• _Task goal_
Print the data below exactly, but only the lines from the one containing "#195=IFCMATERIAL('Structural steel S355J2',$,'steel');" down to the one containing "site_placement = place(None, origin())", inclusive.

━━━━━ Given records ━━━━━

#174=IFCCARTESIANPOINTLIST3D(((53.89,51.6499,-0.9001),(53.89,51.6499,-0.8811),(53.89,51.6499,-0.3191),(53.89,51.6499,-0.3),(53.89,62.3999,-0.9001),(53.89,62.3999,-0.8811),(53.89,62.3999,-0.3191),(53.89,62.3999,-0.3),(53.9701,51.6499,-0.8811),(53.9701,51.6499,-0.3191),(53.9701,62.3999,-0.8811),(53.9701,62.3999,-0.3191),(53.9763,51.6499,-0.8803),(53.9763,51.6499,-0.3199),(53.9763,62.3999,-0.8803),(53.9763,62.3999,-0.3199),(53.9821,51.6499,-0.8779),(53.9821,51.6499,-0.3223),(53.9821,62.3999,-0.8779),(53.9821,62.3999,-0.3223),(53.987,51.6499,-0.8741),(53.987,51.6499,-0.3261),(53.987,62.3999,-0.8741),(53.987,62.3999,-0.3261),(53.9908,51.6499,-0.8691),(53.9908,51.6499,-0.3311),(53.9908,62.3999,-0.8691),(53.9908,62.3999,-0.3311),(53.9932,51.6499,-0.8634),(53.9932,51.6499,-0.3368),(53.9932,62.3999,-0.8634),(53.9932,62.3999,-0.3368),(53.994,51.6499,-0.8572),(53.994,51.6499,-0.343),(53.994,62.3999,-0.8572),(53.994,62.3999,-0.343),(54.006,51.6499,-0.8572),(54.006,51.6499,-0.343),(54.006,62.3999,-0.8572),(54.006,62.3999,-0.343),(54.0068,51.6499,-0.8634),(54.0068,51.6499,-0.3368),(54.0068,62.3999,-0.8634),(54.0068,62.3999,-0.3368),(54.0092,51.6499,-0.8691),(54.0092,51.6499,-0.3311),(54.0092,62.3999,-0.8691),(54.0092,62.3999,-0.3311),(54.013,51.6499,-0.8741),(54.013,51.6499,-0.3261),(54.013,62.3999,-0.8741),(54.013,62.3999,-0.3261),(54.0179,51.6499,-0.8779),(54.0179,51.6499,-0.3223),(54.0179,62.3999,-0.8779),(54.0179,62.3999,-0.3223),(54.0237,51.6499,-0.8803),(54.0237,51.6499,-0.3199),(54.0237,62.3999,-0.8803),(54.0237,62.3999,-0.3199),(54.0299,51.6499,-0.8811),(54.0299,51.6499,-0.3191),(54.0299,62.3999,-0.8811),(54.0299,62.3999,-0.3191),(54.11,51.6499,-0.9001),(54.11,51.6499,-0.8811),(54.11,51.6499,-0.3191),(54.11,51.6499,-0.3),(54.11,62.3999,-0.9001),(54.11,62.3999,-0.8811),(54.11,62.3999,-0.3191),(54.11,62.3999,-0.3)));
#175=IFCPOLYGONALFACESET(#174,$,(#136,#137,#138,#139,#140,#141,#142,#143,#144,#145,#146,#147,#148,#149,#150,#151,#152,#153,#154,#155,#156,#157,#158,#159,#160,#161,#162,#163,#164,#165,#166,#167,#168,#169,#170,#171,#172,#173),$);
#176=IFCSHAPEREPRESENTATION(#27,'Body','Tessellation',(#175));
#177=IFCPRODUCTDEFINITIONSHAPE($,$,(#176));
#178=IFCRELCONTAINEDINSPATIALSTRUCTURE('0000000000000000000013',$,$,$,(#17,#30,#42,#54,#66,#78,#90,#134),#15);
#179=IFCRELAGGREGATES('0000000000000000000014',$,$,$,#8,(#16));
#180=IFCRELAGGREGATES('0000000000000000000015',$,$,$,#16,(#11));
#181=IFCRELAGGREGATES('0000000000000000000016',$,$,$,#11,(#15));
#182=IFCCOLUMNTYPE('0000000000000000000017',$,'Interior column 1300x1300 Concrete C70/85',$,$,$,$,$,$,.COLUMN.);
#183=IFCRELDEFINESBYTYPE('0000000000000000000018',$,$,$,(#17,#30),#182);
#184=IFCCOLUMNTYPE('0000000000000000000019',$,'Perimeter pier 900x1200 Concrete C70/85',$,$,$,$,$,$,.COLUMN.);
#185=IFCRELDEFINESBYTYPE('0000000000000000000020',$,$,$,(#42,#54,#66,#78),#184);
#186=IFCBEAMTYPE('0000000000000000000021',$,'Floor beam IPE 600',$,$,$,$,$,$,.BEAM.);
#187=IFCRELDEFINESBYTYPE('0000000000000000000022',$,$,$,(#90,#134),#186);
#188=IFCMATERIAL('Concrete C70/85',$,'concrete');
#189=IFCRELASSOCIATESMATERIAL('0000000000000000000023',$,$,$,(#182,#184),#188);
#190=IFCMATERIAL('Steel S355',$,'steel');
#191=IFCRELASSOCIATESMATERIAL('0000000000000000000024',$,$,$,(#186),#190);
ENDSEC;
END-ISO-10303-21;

━━━━━
━━━━━ Given records ━━━━━

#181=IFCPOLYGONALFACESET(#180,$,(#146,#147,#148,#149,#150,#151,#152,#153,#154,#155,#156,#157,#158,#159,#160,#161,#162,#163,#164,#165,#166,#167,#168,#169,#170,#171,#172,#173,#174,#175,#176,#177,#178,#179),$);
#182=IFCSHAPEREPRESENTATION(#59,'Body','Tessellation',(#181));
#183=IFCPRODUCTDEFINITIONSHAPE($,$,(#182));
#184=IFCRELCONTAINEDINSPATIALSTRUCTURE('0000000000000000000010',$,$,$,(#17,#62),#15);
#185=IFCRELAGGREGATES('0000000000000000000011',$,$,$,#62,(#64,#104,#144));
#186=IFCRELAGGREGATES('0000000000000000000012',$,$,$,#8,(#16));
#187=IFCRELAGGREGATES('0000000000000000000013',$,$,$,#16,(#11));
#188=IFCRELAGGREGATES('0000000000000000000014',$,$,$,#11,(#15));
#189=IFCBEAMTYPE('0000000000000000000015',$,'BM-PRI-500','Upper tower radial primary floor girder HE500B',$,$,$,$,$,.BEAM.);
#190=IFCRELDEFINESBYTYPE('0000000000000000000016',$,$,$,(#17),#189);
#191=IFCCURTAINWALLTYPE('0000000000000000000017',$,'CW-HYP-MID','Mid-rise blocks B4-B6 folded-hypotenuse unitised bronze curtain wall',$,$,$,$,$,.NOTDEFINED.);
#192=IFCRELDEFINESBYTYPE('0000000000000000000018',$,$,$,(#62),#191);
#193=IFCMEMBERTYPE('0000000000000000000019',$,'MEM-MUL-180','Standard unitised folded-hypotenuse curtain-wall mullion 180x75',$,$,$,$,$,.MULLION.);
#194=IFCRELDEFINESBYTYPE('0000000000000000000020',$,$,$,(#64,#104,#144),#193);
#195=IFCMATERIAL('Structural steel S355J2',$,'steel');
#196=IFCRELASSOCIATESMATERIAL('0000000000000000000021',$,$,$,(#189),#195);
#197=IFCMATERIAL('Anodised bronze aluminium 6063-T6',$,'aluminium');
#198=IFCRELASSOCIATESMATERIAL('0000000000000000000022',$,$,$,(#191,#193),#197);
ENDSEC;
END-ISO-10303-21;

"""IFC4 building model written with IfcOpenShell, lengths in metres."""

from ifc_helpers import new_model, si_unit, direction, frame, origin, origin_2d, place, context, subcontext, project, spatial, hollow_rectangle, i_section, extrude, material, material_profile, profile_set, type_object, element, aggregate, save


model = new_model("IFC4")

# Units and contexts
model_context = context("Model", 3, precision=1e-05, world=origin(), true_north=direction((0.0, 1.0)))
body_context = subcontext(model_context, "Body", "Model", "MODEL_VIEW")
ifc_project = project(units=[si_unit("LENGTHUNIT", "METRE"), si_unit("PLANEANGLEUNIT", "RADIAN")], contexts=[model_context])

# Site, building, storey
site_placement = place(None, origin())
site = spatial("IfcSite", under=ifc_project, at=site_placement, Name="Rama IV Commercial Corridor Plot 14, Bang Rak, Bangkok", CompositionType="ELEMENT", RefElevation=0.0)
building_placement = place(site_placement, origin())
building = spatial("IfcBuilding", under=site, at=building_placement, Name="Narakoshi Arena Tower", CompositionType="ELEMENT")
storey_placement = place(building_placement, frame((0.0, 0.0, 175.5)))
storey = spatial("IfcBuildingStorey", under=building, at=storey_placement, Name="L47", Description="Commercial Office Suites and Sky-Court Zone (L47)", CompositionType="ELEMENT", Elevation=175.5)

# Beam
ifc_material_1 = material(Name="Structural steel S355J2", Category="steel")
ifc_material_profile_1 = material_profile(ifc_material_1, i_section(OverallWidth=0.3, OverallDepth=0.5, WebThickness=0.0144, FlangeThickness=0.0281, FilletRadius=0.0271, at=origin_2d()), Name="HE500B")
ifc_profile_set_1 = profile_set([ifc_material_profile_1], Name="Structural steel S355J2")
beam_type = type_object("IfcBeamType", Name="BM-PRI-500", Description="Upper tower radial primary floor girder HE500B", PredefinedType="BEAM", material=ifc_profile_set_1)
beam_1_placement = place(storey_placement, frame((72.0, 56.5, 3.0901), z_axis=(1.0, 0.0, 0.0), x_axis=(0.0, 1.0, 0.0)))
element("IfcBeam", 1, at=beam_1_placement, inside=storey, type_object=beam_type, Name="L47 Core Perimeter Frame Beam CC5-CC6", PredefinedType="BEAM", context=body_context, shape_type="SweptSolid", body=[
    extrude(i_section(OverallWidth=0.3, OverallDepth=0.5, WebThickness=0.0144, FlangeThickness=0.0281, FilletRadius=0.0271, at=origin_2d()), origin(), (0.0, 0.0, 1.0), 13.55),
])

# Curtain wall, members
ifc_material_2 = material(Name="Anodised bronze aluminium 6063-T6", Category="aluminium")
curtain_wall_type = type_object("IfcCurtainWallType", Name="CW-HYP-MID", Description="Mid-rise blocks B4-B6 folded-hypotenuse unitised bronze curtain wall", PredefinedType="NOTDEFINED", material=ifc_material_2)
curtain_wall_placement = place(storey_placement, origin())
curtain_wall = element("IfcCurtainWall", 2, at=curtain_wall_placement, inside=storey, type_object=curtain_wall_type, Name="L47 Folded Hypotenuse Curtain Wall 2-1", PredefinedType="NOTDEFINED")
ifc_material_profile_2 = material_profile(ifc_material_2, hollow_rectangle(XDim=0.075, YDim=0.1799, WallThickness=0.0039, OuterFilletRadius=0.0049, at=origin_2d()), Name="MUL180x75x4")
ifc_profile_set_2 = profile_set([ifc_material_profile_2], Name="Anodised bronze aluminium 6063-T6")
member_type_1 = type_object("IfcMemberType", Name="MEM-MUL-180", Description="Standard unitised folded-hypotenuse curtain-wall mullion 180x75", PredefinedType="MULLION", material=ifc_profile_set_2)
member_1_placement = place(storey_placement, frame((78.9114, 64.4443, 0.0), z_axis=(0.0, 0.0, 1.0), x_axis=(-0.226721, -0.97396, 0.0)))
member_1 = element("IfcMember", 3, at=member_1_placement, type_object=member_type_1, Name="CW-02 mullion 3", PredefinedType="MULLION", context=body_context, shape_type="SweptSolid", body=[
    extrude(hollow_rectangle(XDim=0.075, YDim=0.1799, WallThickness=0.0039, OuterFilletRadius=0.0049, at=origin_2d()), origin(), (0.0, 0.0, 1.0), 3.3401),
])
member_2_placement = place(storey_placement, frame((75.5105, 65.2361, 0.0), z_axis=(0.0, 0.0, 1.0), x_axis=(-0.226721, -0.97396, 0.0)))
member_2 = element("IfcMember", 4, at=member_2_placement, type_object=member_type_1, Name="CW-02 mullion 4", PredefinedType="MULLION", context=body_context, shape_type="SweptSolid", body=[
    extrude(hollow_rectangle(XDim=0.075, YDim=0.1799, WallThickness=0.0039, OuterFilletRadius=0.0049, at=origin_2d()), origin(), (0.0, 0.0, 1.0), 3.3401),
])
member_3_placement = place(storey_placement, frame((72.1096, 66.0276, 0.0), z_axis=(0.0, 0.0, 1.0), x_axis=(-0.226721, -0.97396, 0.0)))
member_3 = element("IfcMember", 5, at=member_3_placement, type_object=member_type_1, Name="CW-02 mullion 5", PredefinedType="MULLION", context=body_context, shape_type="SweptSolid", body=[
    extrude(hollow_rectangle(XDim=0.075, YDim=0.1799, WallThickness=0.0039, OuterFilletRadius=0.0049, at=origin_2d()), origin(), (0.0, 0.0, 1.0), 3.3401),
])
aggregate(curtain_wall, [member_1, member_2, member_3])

━━━━━

• _Exercise output_
#195=IFCMATERIAL('Structural steel S355J2',$,'steel');
#196=IFCRELASSOCIATESMATERIAL('0000000000000000000021',$,$,$,(#189),#195);
#197=IFCMATERIAL('Anodised bronze aluminium 6063-T6',$,'aluminium');
#198=IFCRELASSOCIATESMATERIAL('0000000000000000000022',$,$,$,(#191,#193),#197);
ENDSEC;
END-ISO-10303-21;

"""IFC4 building model written with IfcOpenShell, lengths in metres."""

from ifc_helpers import new_model, si_unit, direction, frame, origin, origin_2d, place, context, subcontext, project, spatial, hollow_rectangle, i_section, extrude, material, material_profile, profile_set, type_object, element, aggregate, save


model = new_model("IFC4")

# Units and contexts
model_context = context("Model", 3, precision=1e-05, world=origin(), true_north=direction((0.0, 1.0)))
body_context = subcontext(model_context, "Body", "Model", "MODEL_VIEW")
ifc_project = project(units=[si_unit("LENGTHUNIT", "METRE"), si_unit("PLANEANGLEUNIT", "RADIAN")], contexts=[model_context])

# Site, building, storey
site_placement = place(None, origin())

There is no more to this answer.